**Try it**
Report, as a bare number, how many lines of the entries below contain "IFCRELDEFINESBYTYPE".

---------------

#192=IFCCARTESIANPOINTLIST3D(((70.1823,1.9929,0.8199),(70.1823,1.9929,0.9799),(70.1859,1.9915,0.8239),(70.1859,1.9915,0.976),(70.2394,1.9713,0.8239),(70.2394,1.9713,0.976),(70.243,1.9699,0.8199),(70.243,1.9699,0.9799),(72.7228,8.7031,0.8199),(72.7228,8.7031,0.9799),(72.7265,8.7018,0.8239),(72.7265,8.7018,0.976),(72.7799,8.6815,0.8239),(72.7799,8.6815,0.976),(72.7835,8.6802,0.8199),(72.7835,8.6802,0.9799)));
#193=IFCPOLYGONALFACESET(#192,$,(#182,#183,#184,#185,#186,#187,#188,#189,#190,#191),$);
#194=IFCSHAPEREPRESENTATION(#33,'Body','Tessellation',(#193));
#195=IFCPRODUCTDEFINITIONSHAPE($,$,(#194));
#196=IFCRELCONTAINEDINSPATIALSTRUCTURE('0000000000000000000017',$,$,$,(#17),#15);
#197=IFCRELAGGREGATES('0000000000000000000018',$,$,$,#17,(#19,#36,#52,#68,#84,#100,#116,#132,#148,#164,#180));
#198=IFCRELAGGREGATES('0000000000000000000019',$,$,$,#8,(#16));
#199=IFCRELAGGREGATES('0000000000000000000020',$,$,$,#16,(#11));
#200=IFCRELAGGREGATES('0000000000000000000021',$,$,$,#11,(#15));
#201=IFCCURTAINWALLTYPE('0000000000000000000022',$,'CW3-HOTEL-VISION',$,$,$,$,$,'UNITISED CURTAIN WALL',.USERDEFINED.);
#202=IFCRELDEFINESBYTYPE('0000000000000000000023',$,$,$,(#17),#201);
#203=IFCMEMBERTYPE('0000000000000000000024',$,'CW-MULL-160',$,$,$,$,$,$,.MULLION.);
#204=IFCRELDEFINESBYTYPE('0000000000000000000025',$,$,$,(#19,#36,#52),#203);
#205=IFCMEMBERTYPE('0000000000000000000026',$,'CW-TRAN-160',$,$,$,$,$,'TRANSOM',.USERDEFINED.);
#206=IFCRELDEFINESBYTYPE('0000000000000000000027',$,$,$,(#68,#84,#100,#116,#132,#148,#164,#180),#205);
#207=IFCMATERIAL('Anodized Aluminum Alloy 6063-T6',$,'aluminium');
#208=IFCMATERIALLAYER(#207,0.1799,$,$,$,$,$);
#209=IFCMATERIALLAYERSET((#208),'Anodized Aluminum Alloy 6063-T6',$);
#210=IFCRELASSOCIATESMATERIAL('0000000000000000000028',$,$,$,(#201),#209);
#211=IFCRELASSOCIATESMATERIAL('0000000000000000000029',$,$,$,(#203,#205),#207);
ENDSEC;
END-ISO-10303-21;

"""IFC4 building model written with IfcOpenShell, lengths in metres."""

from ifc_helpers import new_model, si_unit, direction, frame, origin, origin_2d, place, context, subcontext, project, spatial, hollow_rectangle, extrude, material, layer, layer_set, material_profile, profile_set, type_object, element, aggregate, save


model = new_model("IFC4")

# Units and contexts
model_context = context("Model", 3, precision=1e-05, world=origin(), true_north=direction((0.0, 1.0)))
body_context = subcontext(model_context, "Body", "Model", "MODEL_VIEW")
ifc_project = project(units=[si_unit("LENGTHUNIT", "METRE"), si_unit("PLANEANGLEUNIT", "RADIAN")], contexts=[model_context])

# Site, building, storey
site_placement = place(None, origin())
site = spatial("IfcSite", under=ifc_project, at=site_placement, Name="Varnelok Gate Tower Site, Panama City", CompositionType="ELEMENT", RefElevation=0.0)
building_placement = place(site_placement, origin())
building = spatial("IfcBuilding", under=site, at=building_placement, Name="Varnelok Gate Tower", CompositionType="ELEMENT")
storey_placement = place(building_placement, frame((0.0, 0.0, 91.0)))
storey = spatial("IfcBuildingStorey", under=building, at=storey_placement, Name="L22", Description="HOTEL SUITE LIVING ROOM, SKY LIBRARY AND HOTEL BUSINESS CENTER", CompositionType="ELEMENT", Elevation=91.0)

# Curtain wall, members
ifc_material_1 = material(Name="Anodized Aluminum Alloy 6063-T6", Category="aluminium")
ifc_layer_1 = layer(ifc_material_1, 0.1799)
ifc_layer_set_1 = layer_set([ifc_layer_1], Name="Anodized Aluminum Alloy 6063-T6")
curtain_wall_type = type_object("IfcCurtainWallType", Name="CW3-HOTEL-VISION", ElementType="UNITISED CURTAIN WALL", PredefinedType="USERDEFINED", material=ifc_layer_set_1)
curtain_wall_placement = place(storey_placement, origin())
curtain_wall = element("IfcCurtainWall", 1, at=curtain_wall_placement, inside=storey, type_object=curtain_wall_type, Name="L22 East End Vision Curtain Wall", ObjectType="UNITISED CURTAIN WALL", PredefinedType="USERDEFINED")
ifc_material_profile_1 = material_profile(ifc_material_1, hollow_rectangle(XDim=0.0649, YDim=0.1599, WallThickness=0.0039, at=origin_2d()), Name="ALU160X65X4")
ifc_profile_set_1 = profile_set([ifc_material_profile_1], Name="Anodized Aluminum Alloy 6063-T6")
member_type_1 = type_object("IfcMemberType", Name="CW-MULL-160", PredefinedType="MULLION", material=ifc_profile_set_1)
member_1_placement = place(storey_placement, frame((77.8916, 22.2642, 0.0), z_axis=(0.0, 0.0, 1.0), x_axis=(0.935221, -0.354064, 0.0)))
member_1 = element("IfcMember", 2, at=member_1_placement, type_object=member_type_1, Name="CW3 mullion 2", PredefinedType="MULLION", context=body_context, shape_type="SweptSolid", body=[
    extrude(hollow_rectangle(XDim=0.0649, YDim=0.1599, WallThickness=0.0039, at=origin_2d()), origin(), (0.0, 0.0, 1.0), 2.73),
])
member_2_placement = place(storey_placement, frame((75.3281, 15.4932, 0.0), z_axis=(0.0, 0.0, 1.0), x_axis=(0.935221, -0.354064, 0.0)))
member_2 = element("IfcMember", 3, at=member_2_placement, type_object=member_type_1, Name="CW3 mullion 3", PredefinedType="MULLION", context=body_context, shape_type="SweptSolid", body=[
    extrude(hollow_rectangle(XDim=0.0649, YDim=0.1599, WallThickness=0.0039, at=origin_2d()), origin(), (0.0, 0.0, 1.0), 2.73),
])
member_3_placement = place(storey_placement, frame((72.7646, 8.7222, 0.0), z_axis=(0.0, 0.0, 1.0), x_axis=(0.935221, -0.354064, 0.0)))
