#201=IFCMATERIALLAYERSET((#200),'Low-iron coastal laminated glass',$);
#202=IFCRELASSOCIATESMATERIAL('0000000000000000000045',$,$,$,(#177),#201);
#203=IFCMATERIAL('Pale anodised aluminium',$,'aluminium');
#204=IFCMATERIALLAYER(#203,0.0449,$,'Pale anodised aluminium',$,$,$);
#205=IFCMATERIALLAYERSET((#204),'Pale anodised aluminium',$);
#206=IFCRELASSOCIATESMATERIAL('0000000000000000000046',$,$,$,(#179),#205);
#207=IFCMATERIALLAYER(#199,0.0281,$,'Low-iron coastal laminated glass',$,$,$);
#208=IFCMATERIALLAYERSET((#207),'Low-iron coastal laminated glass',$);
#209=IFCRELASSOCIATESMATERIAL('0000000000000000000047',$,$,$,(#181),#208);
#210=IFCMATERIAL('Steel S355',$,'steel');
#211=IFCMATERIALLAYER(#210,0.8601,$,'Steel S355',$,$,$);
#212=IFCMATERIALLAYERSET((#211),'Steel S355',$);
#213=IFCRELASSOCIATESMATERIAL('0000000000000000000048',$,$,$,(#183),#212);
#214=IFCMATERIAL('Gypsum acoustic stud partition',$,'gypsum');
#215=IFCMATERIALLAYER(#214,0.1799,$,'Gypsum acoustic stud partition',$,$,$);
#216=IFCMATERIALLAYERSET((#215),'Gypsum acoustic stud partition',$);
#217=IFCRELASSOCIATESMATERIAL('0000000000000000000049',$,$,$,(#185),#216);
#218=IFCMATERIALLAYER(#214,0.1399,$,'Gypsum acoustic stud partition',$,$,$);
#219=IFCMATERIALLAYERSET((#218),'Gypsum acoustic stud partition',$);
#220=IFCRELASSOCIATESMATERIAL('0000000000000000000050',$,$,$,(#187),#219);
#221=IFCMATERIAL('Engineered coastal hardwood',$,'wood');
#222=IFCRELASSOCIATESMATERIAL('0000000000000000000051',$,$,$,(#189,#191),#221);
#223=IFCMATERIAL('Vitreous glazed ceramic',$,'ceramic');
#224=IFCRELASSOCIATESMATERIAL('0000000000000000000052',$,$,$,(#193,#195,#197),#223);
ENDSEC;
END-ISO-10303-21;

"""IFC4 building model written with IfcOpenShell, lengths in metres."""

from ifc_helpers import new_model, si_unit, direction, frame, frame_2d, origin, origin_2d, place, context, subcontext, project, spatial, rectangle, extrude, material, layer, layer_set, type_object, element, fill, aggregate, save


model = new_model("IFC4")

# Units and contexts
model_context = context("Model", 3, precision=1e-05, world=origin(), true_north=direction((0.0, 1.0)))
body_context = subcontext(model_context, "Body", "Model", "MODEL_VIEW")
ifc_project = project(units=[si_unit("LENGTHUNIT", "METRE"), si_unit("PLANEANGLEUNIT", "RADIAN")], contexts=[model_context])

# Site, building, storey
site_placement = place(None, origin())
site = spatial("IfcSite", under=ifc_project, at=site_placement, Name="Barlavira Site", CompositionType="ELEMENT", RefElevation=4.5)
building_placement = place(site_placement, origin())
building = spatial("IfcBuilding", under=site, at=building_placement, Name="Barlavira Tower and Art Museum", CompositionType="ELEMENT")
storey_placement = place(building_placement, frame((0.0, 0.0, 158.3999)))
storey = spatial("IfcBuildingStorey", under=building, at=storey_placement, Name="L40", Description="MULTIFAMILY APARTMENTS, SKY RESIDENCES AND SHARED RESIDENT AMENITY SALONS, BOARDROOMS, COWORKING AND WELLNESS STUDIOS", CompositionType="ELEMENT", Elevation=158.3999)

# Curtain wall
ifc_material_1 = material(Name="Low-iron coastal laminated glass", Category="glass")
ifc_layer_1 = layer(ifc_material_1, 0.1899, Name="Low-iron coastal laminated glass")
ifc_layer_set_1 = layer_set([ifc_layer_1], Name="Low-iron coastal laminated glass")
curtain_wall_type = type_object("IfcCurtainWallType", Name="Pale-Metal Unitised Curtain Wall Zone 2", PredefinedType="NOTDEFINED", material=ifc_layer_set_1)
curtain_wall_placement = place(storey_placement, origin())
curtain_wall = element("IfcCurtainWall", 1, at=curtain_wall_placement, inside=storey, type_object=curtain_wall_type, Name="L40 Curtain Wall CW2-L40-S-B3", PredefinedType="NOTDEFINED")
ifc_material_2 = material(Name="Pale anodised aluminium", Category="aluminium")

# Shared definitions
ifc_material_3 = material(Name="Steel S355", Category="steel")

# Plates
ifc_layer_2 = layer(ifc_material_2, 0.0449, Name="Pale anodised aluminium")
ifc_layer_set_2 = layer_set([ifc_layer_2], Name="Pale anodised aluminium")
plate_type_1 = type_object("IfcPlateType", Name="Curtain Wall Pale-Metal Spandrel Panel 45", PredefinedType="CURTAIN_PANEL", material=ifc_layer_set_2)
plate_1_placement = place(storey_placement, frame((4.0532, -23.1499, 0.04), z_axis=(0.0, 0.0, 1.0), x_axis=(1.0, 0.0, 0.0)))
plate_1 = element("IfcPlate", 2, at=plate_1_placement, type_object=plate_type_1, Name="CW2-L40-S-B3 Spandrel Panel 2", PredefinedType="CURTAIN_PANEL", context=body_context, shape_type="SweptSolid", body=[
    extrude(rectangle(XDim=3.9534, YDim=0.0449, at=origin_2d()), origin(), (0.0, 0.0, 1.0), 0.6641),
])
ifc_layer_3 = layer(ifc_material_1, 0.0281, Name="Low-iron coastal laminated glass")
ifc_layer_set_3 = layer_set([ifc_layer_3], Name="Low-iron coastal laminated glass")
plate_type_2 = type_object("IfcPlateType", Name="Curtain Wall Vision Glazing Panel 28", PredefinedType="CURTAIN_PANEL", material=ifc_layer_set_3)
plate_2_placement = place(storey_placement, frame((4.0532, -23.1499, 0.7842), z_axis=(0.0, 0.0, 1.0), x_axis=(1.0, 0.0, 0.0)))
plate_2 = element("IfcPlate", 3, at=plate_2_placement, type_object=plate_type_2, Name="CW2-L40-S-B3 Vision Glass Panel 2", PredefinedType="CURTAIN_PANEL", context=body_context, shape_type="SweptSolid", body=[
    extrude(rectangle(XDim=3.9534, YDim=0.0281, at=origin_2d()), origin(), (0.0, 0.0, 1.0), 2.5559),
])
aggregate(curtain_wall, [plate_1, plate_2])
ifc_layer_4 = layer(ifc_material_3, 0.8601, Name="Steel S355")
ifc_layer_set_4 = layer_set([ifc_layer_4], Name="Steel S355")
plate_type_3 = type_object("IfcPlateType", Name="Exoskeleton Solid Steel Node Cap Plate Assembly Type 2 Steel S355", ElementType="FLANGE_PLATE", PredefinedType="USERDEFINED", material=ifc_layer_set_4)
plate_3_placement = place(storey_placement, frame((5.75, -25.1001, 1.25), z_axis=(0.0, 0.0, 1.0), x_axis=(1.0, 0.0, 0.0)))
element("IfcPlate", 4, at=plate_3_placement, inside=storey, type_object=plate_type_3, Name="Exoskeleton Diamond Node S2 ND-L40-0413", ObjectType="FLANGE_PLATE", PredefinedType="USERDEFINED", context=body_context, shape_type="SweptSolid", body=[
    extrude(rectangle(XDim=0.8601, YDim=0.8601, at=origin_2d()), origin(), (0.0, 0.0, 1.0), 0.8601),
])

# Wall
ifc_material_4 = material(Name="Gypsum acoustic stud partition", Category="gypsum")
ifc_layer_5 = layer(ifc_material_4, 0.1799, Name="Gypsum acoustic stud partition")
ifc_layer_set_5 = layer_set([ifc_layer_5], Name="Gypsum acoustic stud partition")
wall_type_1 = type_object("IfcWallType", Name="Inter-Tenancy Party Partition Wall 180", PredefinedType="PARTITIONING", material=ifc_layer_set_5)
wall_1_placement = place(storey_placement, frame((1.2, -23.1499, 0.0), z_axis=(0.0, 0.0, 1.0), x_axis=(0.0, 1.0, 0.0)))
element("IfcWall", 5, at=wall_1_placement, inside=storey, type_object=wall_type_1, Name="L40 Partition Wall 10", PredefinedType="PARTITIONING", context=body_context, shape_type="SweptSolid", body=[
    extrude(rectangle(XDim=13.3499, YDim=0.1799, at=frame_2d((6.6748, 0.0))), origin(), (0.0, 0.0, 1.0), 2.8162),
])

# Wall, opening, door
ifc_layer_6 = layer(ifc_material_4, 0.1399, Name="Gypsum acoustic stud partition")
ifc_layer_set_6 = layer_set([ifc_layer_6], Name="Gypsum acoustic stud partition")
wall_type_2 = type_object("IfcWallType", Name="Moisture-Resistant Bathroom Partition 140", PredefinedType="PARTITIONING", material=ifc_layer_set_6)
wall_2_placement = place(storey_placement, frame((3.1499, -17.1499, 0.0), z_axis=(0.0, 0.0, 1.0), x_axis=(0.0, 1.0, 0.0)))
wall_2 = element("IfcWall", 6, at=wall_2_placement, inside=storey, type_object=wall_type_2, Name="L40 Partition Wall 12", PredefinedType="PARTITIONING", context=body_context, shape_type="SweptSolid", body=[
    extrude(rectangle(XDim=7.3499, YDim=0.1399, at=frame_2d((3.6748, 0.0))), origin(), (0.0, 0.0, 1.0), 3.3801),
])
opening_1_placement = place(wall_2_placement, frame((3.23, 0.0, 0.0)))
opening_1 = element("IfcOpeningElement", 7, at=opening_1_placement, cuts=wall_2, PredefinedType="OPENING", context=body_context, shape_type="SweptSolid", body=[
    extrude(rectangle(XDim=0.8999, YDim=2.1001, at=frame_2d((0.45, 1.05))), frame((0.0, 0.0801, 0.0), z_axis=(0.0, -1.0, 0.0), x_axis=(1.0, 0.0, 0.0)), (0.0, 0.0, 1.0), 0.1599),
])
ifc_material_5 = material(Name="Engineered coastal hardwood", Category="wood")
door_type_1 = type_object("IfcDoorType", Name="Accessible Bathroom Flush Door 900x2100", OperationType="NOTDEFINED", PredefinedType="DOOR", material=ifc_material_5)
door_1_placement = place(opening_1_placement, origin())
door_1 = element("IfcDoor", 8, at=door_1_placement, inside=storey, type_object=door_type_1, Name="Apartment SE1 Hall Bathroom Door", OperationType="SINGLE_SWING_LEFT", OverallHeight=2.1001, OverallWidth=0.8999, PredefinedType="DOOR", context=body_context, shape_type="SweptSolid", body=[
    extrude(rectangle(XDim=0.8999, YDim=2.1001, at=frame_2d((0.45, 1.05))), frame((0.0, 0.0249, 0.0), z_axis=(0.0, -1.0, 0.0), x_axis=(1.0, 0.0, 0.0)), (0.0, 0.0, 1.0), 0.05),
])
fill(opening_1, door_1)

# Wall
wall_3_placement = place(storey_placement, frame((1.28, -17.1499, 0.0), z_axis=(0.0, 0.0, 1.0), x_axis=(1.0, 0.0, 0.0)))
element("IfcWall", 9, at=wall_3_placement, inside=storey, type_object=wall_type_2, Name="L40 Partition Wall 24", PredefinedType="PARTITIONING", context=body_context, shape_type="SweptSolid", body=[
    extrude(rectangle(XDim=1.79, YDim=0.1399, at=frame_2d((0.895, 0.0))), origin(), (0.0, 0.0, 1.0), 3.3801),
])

---------------

**Result of the task**
3